Collected data
== Segment start ==
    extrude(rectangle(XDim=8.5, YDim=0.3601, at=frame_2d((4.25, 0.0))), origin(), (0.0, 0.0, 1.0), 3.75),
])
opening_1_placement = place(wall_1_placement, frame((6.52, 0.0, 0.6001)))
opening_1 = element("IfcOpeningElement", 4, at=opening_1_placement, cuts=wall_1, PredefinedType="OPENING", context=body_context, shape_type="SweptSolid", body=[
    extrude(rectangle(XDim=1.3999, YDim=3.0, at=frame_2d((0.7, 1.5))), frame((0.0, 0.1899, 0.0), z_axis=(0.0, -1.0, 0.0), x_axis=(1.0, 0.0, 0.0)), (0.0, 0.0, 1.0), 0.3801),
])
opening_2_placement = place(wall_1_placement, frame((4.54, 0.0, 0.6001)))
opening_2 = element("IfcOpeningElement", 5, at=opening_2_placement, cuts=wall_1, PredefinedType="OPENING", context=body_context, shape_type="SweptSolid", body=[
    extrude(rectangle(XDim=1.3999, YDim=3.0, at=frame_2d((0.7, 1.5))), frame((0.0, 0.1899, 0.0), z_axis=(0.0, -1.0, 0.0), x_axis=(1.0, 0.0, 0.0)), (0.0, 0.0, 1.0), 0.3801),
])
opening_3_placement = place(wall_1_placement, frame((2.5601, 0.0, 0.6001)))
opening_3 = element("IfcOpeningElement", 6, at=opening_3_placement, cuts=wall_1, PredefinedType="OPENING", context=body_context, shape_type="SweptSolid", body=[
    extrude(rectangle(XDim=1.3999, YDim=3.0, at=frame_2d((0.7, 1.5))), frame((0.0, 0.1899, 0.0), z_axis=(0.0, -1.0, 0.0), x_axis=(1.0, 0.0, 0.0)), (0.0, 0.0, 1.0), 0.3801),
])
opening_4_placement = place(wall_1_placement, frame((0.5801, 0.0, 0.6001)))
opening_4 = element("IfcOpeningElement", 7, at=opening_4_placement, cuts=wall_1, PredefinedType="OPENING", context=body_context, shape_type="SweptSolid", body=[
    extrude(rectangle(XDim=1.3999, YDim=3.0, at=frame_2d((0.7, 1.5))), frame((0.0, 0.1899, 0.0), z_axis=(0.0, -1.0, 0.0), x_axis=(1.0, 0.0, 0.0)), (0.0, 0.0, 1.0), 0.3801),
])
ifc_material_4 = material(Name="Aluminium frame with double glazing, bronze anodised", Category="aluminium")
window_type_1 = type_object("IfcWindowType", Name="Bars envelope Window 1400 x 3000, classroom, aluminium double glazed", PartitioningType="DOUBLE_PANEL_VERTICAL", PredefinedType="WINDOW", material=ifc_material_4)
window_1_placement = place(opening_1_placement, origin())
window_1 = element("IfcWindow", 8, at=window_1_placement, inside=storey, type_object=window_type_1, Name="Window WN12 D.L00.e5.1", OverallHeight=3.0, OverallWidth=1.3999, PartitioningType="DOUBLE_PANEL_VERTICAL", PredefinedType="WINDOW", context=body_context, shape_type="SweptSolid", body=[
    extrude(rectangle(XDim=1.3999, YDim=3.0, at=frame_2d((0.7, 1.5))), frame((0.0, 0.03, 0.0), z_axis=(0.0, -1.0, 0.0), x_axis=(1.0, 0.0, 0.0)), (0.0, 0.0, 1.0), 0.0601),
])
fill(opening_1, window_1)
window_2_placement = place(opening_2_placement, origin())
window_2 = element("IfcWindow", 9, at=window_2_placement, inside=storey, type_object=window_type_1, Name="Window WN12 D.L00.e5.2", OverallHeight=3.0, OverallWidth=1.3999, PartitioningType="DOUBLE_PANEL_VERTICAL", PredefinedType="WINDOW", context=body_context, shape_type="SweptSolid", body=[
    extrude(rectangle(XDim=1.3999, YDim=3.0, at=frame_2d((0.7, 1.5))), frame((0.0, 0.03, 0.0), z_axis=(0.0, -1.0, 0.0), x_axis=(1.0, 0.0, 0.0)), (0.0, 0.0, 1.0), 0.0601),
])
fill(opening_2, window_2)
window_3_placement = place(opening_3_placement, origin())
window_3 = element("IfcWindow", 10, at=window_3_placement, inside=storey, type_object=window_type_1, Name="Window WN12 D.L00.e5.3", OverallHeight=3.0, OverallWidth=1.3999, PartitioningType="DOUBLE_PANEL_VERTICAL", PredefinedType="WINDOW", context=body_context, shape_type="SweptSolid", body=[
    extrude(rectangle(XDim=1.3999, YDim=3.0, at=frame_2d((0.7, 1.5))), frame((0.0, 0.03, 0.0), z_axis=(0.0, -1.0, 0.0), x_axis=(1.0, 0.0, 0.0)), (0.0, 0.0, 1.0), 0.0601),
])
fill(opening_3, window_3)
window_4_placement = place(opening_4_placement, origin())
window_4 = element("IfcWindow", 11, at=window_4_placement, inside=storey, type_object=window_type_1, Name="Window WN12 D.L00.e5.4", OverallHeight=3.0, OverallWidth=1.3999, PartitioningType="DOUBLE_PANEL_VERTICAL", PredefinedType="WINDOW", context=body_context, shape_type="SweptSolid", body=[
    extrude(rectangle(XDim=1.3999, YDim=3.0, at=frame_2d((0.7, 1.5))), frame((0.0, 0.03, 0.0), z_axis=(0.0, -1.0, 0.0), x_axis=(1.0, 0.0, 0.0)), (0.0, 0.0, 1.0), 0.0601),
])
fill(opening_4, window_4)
== Segment end ==
**Work order**
Wherever the string "origin" appears in the entries above, return the line it appears on.

**Answer to this task**
    extrude(rectangle(XDim=8.5, YDim=0.3601, at=frame_2d((4.25, 0.0))), origin(), (0.0, 0.0, 1.0), 3.75),
window_1_placement = place(opening_1_placement, origin())
window_2_placement = place(opening_2_placement, origin())
window_3_placement = place(opening_3_placement, origin())
window_4_placement = place(opening_4_placement, origin())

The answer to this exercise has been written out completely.